▶ **TASK GOAL**
In the records below, find the line containing "FILE_DESCRIPTION((''),'2;1');" and the line containing "#28=IFCSHAPEREPRESENTATION(#27,'Body','Tessellation',(#26));"; please repeat exactly the lines from one to the other, both included, and nothing more.

(Stored data)
# # # # #

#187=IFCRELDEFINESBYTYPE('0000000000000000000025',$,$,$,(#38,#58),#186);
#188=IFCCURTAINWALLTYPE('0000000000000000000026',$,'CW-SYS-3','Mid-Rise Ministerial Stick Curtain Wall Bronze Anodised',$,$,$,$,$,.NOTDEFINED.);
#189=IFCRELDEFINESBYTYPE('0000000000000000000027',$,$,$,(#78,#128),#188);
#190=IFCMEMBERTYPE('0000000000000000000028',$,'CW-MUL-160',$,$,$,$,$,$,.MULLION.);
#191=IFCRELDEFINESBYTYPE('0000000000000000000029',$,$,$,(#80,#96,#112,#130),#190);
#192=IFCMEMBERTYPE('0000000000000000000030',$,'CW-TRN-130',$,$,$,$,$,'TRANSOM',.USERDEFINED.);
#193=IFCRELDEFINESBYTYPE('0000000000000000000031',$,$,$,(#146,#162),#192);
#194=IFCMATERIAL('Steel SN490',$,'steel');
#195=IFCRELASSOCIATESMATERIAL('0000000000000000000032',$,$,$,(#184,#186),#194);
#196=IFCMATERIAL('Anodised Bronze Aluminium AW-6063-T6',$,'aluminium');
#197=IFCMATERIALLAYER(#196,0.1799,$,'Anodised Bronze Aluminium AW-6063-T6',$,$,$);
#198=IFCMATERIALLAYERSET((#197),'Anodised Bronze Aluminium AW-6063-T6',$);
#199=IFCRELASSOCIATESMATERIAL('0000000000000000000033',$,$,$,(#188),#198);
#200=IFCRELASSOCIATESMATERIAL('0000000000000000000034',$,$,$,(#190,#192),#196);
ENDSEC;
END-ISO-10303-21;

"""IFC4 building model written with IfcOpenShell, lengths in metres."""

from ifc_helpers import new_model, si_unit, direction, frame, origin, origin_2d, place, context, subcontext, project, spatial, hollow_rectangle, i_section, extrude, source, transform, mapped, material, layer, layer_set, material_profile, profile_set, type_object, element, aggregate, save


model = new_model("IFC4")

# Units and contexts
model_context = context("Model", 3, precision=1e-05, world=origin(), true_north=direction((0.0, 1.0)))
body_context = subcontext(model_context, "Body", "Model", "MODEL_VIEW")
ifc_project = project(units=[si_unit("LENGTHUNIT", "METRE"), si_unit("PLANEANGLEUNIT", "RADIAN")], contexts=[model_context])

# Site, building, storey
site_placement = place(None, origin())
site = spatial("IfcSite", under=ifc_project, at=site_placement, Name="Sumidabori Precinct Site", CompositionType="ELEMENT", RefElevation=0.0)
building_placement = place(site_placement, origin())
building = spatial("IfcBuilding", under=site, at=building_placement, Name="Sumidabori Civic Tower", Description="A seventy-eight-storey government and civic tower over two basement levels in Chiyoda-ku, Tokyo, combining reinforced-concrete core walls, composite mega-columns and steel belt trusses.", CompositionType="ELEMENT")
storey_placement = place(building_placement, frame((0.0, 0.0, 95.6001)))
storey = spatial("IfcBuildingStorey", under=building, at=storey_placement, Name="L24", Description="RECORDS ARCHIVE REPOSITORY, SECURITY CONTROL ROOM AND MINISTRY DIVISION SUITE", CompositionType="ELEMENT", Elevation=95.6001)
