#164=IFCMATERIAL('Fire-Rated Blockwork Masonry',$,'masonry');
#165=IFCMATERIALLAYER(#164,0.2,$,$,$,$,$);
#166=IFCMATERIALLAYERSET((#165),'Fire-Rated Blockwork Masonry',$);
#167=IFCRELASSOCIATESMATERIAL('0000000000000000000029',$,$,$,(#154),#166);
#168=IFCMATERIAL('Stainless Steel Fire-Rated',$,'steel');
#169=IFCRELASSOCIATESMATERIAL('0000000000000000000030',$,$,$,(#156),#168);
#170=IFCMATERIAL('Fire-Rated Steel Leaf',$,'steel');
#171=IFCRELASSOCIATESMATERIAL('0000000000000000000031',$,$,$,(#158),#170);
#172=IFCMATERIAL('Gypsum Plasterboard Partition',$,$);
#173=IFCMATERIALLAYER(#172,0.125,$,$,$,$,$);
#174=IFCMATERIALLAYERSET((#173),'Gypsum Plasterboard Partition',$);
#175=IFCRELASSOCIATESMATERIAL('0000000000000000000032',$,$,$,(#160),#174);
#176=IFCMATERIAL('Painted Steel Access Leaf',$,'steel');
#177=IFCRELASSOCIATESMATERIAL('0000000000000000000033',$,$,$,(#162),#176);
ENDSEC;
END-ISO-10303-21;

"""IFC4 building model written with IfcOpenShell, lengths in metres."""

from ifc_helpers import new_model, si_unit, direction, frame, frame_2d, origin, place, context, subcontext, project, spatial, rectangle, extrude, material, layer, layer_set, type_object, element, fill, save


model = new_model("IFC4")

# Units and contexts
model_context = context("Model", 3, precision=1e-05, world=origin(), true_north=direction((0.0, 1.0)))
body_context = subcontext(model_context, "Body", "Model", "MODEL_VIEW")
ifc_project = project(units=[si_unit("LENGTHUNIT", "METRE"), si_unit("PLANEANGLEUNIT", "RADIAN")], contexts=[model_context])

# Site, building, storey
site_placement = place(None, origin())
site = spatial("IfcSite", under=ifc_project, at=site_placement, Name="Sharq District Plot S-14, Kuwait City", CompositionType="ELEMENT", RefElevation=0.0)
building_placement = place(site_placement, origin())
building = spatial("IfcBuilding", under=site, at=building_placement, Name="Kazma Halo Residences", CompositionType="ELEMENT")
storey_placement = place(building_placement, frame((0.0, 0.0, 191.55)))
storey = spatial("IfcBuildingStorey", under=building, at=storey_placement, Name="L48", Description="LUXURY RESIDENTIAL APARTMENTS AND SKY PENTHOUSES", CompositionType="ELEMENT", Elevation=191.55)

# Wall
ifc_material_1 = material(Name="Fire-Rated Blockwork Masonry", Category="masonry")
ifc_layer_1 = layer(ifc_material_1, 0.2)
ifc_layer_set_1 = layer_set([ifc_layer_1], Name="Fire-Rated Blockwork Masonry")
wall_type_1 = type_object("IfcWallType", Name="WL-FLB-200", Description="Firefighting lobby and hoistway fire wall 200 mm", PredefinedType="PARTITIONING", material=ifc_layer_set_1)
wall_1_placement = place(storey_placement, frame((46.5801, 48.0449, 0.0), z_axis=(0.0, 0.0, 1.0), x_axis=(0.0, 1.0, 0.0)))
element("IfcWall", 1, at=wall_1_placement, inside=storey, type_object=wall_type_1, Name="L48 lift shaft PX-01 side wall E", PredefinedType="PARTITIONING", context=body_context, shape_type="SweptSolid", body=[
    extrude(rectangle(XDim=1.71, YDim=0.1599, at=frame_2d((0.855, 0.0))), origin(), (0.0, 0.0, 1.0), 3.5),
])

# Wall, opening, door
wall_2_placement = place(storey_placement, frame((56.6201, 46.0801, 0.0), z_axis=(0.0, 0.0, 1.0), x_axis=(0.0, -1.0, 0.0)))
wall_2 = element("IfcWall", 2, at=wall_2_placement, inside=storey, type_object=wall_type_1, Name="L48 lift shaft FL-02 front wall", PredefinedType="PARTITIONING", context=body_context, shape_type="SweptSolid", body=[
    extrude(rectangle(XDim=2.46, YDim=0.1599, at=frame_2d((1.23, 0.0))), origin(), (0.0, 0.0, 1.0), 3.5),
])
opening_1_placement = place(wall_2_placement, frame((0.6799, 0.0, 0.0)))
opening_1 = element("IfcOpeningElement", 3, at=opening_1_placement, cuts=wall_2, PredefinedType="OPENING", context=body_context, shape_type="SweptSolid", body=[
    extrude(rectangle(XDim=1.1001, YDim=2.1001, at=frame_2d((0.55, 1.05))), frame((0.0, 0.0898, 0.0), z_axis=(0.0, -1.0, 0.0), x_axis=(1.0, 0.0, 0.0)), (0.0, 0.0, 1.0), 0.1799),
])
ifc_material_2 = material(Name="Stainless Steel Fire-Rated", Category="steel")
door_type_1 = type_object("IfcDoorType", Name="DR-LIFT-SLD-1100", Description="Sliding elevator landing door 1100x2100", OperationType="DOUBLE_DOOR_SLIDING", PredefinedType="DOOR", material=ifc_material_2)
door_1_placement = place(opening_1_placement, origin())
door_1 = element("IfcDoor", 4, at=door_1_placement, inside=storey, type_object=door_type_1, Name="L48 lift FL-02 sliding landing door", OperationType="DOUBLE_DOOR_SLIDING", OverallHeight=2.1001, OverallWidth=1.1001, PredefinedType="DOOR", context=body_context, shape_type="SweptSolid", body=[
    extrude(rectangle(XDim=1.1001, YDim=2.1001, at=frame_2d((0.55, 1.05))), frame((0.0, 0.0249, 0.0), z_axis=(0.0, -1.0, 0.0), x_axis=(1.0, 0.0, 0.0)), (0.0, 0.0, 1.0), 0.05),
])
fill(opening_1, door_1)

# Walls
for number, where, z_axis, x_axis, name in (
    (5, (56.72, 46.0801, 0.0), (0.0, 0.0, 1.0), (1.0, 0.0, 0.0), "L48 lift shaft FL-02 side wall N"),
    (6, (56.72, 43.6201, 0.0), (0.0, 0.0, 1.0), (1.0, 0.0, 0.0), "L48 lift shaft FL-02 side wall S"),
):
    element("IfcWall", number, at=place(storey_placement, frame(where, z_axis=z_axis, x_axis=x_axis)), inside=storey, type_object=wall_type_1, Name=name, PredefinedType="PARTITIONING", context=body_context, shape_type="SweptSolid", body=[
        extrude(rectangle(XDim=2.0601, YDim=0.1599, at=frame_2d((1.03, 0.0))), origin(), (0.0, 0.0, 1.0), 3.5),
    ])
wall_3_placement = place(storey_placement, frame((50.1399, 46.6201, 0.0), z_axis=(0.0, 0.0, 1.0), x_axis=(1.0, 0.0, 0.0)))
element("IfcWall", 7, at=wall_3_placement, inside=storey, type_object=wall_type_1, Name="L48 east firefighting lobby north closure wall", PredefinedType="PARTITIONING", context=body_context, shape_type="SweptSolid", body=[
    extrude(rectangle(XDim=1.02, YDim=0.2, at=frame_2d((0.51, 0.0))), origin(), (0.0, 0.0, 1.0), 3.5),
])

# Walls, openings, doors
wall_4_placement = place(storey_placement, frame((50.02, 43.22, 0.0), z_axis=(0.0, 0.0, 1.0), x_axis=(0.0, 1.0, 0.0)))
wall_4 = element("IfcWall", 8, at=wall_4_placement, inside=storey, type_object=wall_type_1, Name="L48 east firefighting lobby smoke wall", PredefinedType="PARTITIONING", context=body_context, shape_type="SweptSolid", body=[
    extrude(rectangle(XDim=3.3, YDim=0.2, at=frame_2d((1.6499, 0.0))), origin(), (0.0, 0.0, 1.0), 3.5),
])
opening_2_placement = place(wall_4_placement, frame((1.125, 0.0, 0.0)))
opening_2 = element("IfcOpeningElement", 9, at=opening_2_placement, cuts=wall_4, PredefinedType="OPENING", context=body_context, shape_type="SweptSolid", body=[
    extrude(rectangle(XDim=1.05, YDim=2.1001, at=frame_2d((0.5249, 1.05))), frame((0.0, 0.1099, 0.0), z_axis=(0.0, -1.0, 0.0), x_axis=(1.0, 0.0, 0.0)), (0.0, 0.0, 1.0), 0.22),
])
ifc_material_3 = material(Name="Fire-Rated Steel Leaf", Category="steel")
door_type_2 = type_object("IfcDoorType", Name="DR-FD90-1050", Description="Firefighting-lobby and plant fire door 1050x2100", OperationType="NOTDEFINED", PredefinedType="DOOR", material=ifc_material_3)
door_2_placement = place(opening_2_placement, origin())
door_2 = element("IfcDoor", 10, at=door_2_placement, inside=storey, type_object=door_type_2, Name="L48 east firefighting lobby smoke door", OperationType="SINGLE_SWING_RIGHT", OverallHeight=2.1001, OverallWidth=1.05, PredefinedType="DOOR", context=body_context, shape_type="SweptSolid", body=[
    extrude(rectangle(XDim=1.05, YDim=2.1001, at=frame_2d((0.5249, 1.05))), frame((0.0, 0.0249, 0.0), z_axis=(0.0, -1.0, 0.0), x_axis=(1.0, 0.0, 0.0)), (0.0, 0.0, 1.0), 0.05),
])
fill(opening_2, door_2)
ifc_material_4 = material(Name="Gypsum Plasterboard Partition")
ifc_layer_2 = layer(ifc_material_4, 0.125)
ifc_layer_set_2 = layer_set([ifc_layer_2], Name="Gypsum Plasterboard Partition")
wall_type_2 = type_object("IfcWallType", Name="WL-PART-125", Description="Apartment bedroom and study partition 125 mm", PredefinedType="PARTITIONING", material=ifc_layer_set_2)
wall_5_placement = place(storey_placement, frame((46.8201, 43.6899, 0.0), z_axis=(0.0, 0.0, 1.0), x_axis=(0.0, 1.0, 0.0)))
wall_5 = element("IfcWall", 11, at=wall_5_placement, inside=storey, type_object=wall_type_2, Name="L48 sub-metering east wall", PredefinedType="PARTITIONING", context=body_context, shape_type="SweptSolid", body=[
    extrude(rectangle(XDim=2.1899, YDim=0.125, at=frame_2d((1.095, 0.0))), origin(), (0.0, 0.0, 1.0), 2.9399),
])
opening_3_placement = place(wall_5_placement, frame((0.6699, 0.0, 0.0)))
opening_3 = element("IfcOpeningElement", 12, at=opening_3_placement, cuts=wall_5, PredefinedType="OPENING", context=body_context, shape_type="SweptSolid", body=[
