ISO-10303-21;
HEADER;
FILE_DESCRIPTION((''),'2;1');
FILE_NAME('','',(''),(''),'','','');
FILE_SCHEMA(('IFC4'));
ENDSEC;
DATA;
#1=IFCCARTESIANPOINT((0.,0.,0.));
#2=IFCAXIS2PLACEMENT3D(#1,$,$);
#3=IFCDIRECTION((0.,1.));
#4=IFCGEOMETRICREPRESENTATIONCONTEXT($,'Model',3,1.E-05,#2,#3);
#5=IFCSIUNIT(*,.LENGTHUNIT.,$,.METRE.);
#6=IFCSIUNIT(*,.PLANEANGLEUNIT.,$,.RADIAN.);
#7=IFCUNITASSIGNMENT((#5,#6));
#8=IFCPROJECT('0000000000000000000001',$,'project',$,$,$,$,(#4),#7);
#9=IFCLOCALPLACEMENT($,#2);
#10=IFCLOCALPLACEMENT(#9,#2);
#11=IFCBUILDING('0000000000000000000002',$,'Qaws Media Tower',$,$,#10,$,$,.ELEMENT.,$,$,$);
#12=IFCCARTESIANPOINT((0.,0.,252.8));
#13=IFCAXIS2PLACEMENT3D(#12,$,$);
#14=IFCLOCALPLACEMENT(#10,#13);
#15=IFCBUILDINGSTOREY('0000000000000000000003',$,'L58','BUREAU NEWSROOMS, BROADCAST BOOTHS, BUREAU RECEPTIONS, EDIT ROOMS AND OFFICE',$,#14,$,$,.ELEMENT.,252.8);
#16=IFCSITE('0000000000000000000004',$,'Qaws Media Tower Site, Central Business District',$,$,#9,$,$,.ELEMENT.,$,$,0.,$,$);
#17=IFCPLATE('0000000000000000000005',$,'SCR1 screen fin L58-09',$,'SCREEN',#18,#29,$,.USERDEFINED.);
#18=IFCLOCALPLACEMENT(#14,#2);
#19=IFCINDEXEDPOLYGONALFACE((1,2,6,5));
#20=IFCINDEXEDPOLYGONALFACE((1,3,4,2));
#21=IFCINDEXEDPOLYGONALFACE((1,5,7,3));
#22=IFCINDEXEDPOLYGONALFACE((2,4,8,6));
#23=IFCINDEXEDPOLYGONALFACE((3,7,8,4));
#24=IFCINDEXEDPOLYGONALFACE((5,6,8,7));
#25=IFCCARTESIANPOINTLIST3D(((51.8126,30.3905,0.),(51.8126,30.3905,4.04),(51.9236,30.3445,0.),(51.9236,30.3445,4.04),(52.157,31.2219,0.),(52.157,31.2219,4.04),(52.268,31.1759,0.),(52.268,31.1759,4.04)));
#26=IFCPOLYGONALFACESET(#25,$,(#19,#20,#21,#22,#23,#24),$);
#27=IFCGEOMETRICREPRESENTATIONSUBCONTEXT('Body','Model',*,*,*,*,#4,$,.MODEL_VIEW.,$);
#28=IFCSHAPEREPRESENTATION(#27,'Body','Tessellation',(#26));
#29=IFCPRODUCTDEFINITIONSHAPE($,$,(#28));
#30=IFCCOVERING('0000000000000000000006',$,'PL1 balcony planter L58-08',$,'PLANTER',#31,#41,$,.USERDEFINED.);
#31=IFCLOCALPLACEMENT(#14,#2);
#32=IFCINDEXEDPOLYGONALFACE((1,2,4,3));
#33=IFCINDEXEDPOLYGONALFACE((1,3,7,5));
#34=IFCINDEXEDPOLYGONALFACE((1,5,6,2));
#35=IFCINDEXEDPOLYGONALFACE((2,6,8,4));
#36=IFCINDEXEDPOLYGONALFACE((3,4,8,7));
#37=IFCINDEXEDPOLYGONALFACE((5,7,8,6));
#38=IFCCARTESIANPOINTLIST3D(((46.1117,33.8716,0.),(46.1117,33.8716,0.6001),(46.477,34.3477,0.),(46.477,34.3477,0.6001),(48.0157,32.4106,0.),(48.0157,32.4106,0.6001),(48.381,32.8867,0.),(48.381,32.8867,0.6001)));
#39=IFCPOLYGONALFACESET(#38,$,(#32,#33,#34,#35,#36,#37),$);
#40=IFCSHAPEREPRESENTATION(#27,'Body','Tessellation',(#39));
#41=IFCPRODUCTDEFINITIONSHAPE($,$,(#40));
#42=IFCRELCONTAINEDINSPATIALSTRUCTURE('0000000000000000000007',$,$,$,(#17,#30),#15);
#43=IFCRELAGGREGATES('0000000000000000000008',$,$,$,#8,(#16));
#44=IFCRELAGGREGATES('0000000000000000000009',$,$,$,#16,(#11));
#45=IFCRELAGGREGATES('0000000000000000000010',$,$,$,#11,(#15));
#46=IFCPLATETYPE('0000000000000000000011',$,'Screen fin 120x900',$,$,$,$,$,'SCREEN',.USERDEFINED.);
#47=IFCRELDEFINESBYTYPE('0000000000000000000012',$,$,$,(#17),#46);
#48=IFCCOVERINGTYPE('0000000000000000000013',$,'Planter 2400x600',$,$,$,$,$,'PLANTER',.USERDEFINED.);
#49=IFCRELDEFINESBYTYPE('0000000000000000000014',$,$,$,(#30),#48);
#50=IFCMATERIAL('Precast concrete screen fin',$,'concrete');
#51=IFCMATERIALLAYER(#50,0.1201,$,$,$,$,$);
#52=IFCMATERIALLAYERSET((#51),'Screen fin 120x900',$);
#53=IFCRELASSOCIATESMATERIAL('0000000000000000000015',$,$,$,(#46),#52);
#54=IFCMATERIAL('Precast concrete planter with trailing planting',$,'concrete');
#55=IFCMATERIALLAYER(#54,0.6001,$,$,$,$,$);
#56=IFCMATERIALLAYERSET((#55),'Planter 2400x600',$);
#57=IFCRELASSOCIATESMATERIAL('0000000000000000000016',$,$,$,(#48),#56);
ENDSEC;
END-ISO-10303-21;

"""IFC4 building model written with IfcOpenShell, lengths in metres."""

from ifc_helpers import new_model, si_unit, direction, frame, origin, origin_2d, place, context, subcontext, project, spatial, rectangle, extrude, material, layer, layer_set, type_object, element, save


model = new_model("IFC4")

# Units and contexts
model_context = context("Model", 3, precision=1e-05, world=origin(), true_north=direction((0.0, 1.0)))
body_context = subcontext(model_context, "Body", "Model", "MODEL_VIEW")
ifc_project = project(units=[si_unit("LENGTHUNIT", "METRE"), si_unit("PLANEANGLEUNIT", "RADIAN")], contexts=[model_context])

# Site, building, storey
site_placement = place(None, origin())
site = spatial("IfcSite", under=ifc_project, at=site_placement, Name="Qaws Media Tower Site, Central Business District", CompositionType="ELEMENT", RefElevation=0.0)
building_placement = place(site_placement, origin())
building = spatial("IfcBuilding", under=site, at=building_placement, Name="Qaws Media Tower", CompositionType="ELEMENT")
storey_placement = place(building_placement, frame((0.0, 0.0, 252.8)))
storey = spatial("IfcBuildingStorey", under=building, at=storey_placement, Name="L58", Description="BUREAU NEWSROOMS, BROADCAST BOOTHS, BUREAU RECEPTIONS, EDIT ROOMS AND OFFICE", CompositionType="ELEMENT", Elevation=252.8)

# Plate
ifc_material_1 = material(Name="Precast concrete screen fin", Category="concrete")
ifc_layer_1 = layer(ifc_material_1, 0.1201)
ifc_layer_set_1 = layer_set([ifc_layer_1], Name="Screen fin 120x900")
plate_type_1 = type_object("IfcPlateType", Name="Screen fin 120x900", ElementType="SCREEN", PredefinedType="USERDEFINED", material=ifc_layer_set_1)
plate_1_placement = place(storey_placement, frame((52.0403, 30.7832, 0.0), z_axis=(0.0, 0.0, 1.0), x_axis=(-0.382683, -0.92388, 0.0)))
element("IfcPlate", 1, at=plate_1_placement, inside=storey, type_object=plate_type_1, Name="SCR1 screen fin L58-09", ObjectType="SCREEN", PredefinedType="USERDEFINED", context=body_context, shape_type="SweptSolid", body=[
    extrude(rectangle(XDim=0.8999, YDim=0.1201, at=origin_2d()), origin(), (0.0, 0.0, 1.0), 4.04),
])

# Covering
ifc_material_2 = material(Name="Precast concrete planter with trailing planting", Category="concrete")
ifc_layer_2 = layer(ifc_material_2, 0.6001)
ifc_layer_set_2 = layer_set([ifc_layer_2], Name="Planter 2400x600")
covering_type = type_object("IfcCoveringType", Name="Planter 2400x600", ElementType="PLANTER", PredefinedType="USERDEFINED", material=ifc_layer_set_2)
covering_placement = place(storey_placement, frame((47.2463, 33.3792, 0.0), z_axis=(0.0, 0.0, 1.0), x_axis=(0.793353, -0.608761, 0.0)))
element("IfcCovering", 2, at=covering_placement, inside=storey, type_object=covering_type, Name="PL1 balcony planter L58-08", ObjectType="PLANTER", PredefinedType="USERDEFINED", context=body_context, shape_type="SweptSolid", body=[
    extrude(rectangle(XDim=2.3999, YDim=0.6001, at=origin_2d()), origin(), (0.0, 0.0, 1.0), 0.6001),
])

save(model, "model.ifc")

# # # # #

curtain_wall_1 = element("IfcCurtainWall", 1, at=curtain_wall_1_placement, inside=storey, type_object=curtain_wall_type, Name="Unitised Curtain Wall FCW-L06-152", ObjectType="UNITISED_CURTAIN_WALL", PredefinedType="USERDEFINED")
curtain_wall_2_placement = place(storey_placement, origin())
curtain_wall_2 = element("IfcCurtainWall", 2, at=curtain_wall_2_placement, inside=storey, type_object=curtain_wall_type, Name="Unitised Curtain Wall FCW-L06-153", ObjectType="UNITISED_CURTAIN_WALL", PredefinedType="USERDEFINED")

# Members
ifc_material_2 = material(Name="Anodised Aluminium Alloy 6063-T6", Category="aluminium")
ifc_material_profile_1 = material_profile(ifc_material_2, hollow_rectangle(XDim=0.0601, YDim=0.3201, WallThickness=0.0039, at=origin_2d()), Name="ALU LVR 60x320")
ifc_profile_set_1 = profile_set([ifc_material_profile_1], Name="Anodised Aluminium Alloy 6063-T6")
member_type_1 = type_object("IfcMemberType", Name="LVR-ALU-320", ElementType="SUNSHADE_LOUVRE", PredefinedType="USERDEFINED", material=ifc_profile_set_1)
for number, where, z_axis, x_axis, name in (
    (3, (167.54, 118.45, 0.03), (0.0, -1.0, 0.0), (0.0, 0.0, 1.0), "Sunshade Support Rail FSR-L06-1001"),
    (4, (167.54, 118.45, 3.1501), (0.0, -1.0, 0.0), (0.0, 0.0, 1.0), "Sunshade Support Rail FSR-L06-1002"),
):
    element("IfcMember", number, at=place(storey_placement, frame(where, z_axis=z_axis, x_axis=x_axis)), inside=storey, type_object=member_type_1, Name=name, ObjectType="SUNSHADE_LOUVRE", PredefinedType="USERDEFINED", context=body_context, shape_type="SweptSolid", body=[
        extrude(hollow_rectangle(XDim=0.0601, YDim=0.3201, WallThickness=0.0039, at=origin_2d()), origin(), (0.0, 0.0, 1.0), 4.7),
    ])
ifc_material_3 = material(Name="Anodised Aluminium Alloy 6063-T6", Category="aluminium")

# # # # #

▶ **SOLVED PROBLEM**
FILE_DESCRIPTION((''),'2;1');
FILE_NAME('','',(''),(''),'','','');
FILE_SCHEMA(('IFC4'));
ENDSEC;
DATA;
#1=IFCCARTESIANPOINT((0.,0.,0.));
#2=IFCAXIS2PLACEMENT3D(#1,$,$);
#3=IFCDIRECTION((0.,1.));
#4=IFCGEOMETRICREPRESENTATIONCONTEXT($,'Model',3,1.E-05,#2,#3);
#5=IFCSIUNIT(*,.LENGTHUNIT.,$,.METRE.);
#6=IFCSIUNIT(*,.PLANEANGLEUNIT.,$,.RADIAN.);
#7=IFCUNITASSIGNMENT((#5,#6));
#8=IFCPROJECT('0000000000000000000001',$,'project',$,$,$,$,(#4),#7);
#9=IFCLOCALPLACEMENT($,#2);
#10=IFCLOCALPLACEMENT(#9,#2);
#11=IFCBUILDING('0000000000000000000002',$,'Qaws Media Tower',$,$,#10,$,$,.ELEMENT.,$,$,$);
#12=IFCCARTESIANPOINT((0.,0.,252.8));
#13=IFCAXIS2PLACEMENT3D(#12,$,$);
#14=IFCLOCALPLACEMENT(#10,#13);
#15=IFCBUILDINGSTOREY('0000000000000000000003',$,'L58','BUREAU NEWSROOMS, BROADCAST BOOTHS, BUREAU RECEPTIONS, EDIT ROOMS AND OFFICE',$,#14,$,$,.ELEMENT.,252.8);
#16=IFCSITE('0000000000000000000004',$,'Qaws Media Tower Site, Central Business District',$,$,#9,$,$,.ELEMENT.,$,$,0.,$,$);
#17=IFCPLATE('0000000000000000000005',$,'SCR1 screen fin L58-09',$,'SCREEN',#18,#29,$,.USERDEFINED.);
#18=IFCLOCALPLACEMENT(#14,#2);
#19=IFCINDEXEDPOLYGONALFACE((1,2,6,5));
#20=IFCINDEXEDPOLYGONALFACE((1,3,4,2));
#21=IFCINDEXEDPOLYGONALFACE((1,5,7,3));
#22=IFCINDEXEDPOLYGONALFACE((2,4,8,6));
#23=IFCINDEXEDPOLYGONALFACE((3,7,8,4));
#24=IFCINDEXEDPOLYGONALFACE((5,6,8,7));
#25=IFCCARTESIANPOINTLIST3D(((51.8126,30.3905,0.),(51.8126,30.3905,4.04),(51.9236,30.3445,0.),(51.9236,30.3445,4.04),(52.157,31.2219,0.),(52.157,31.2219,4.04),(52.268,31.1759,0.),(52.268,31.1759,4.04)));
#26=IFCPOLYGONALFACESET(#25,$,(#19,#20,#21,#22,#23,#24),$);
#27=IFCGEOMETRICREPRESENTATIONSUBCONTEXT('Body','Model',*,*,*,*,#4,$,.MODEL_VIEW.,$);
#28=IFCSHAPEREPRESENTATION(#27,'Body','Tessellation',(#26));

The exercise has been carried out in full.